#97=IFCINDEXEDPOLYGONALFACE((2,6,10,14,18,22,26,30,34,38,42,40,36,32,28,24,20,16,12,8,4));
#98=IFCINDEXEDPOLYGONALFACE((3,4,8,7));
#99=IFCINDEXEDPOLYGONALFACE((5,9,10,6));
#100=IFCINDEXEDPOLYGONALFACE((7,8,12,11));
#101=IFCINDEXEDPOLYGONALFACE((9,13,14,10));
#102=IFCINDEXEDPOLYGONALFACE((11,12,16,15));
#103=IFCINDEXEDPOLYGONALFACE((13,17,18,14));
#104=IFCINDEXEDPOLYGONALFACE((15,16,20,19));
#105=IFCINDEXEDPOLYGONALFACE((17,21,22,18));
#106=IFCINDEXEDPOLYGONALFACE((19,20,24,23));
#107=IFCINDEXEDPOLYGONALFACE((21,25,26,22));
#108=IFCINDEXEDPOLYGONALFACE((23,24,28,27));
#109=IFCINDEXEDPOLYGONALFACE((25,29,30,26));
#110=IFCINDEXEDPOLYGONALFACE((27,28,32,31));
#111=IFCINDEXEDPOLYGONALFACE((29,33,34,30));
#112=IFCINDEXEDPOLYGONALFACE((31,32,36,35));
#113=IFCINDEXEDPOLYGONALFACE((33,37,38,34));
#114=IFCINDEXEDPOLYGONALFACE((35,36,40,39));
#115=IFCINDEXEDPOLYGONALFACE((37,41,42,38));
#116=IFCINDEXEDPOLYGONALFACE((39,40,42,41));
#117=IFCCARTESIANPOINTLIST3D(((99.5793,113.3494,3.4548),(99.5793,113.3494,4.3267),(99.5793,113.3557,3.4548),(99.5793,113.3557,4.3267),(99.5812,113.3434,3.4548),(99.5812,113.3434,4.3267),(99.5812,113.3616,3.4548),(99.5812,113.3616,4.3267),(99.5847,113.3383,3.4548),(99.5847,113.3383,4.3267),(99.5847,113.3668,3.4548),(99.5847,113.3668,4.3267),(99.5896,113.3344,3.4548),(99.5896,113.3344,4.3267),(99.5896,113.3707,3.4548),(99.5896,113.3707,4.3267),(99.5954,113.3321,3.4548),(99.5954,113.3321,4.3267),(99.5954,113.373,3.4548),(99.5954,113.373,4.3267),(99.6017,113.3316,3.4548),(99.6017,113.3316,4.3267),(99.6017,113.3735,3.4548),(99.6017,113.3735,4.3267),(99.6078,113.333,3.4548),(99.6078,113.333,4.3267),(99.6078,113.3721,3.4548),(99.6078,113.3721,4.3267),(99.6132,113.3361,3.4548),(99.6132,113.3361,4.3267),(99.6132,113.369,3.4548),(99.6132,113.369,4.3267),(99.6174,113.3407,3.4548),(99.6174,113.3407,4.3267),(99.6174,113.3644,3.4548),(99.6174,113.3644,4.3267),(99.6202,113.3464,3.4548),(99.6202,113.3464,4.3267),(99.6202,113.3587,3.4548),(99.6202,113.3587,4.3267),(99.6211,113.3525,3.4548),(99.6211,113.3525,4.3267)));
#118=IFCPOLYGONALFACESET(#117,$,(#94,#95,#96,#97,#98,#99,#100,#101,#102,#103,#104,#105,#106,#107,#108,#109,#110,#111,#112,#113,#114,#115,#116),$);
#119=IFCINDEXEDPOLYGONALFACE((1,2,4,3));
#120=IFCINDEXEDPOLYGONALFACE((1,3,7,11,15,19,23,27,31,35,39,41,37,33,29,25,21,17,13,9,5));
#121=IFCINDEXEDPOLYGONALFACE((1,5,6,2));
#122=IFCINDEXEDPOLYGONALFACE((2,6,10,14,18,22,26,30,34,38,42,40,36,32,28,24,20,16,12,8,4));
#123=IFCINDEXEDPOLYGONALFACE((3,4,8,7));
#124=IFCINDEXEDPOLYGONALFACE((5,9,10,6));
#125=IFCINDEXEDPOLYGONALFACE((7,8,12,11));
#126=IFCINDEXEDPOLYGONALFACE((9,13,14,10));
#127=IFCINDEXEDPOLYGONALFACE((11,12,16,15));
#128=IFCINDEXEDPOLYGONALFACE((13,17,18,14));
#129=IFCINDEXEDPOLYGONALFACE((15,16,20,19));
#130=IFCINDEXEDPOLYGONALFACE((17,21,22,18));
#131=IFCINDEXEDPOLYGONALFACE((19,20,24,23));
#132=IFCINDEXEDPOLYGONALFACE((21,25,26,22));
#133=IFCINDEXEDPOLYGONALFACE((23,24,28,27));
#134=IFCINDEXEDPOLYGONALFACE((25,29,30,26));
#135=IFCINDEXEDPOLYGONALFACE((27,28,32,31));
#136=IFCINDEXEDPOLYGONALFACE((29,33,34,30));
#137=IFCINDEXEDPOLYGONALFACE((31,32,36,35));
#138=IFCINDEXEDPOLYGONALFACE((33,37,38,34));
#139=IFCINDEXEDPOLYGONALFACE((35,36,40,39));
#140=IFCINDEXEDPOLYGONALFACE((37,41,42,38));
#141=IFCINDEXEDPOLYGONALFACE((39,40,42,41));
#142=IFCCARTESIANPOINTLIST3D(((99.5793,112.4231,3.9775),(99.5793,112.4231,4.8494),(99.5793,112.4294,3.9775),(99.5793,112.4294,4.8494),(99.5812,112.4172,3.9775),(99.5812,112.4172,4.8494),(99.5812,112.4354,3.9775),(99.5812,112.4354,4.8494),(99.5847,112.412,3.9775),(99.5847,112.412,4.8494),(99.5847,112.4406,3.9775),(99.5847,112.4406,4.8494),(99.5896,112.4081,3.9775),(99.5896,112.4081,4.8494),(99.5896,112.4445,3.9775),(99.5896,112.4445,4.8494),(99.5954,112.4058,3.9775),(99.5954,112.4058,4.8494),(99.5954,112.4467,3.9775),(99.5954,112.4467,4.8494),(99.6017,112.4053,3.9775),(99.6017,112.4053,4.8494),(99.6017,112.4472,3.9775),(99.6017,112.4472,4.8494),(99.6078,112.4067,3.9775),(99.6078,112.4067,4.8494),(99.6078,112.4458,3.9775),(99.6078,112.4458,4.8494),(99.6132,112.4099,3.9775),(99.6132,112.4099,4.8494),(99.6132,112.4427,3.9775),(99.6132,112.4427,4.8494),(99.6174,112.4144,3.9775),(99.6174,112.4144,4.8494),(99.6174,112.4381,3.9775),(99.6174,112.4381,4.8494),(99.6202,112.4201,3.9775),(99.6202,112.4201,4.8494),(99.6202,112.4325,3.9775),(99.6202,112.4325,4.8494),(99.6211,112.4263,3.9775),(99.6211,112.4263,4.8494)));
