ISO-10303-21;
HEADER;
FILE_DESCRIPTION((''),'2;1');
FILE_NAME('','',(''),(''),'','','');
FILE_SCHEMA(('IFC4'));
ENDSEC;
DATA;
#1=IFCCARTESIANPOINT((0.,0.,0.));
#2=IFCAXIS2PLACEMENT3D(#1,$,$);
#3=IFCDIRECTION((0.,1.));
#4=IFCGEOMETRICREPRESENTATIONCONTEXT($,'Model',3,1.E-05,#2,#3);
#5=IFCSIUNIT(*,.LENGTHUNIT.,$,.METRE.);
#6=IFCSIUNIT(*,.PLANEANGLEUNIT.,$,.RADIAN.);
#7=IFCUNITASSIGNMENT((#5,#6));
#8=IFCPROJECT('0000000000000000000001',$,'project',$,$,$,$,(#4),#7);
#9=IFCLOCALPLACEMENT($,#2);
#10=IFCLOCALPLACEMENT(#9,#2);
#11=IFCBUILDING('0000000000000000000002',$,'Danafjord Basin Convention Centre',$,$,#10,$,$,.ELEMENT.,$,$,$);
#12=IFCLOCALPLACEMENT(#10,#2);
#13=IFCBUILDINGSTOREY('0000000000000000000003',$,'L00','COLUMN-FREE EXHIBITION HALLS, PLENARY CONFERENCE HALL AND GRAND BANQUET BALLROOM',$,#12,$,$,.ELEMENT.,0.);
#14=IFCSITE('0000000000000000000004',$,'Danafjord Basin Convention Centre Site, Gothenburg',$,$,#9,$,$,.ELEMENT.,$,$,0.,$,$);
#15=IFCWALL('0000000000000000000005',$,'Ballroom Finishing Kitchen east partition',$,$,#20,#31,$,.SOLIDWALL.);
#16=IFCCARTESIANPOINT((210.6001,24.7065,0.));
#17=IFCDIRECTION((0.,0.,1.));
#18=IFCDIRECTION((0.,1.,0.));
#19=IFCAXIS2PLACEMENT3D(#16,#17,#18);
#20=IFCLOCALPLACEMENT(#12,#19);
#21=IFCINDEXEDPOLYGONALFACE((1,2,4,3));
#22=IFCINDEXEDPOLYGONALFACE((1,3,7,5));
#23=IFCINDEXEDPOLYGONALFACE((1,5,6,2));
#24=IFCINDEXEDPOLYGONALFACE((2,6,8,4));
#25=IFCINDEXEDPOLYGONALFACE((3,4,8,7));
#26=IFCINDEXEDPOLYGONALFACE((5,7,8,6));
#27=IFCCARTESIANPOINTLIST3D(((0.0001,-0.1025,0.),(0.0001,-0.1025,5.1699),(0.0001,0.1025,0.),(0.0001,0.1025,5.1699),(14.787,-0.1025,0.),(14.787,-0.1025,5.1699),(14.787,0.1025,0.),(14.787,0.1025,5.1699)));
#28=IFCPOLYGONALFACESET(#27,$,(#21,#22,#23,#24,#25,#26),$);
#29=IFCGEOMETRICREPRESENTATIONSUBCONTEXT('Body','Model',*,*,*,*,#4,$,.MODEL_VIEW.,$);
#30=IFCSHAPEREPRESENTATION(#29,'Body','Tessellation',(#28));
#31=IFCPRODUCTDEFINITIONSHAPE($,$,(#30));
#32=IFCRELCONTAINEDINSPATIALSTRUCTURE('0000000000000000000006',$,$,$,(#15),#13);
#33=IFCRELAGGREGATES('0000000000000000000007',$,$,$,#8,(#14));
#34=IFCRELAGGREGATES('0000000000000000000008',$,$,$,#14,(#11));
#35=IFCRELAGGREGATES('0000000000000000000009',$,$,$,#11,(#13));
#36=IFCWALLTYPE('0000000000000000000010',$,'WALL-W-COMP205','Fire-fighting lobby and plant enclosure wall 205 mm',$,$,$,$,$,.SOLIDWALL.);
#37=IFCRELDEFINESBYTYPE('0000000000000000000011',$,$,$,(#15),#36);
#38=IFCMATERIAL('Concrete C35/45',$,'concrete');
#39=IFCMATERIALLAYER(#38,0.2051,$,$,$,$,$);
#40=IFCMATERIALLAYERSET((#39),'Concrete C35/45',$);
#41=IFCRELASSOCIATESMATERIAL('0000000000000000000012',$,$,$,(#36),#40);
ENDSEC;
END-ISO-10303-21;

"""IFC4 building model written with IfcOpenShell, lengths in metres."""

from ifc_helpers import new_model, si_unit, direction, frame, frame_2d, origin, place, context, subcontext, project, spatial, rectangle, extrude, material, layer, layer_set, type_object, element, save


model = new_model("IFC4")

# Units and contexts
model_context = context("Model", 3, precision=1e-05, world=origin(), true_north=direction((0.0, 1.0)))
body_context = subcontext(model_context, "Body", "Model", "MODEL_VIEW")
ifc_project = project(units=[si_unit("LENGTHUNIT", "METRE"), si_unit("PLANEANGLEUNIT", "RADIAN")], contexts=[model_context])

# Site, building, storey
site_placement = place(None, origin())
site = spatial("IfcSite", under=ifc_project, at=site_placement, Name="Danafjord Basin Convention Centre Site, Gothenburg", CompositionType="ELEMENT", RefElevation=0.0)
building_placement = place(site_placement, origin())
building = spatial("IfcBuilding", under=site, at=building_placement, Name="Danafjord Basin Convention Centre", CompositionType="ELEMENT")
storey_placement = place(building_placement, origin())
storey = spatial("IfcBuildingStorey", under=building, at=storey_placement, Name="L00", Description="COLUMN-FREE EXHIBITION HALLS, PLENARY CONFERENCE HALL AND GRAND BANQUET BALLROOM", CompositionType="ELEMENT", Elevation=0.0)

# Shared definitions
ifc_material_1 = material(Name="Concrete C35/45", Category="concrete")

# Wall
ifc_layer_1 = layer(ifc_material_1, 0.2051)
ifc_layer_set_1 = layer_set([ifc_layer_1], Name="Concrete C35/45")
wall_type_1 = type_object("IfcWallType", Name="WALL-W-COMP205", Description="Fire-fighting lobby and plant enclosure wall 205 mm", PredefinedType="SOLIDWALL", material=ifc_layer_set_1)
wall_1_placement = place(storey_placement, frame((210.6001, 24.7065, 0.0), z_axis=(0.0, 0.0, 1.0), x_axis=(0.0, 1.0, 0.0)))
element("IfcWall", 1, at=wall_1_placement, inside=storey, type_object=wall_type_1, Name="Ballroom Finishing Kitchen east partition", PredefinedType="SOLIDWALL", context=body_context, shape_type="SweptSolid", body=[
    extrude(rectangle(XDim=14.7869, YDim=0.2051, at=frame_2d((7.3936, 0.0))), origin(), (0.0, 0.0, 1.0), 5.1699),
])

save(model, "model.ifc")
===
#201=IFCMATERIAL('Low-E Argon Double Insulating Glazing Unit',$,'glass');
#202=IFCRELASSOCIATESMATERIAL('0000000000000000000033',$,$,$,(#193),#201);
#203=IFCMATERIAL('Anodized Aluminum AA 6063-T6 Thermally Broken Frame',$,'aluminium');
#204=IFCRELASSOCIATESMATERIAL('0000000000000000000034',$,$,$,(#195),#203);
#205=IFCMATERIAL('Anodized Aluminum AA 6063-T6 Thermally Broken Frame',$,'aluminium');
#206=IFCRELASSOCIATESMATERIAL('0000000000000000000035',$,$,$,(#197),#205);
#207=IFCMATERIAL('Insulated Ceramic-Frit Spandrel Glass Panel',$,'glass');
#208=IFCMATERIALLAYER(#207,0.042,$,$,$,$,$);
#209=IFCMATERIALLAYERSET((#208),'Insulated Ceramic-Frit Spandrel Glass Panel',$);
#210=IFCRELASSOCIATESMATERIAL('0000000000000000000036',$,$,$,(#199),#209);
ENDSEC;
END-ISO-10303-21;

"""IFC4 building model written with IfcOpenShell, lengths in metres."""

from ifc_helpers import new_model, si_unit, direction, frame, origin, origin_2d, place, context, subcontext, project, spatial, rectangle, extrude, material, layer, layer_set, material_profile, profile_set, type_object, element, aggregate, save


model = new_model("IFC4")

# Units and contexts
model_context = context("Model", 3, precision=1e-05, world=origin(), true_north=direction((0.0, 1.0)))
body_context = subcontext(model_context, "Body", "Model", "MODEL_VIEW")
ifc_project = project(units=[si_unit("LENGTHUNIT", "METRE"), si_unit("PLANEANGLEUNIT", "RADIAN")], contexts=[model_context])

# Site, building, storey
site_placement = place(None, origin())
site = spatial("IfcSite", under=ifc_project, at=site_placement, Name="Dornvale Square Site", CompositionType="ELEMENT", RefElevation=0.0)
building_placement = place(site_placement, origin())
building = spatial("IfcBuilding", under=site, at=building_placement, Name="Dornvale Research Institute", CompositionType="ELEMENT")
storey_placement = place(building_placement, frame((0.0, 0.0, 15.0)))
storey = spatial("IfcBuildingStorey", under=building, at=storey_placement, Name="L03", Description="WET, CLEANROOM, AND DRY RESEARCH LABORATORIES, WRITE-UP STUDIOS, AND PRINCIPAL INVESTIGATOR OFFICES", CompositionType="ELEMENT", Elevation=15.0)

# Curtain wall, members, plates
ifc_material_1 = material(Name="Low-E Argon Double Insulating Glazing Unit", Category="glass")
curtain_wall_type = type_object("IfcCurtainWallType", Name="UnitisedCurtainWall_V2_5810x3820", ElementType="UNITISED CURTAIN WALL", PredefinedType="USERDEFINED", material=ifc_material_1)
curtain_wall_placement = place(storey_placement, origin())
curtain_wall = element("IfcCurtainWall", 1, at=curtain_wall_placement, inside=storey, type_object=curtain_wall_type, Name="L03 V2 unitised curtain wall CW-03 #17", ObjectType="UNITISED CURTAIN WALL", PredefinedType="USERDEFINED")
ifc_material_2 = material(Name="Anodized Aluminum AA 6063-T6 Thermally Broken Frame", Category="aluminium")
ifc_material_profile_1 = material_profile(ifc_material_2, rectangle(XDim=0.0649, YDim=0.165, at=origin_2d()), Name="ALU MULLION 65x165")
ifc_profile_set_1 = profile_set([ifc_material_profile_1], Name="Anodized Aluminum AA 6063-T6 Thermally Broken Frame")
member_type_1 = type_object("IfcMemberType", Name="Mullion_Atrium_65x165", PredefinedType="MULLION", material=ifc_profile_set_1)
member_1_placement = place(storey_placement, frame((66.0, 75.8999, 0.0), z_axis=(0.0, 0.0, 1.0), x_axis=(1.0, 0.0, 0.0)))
===
▶ **Work required**:
Only the number is wanted: how many lines in the entries above contain the word "aluminium"?

▶ **Result for this exercise**:
3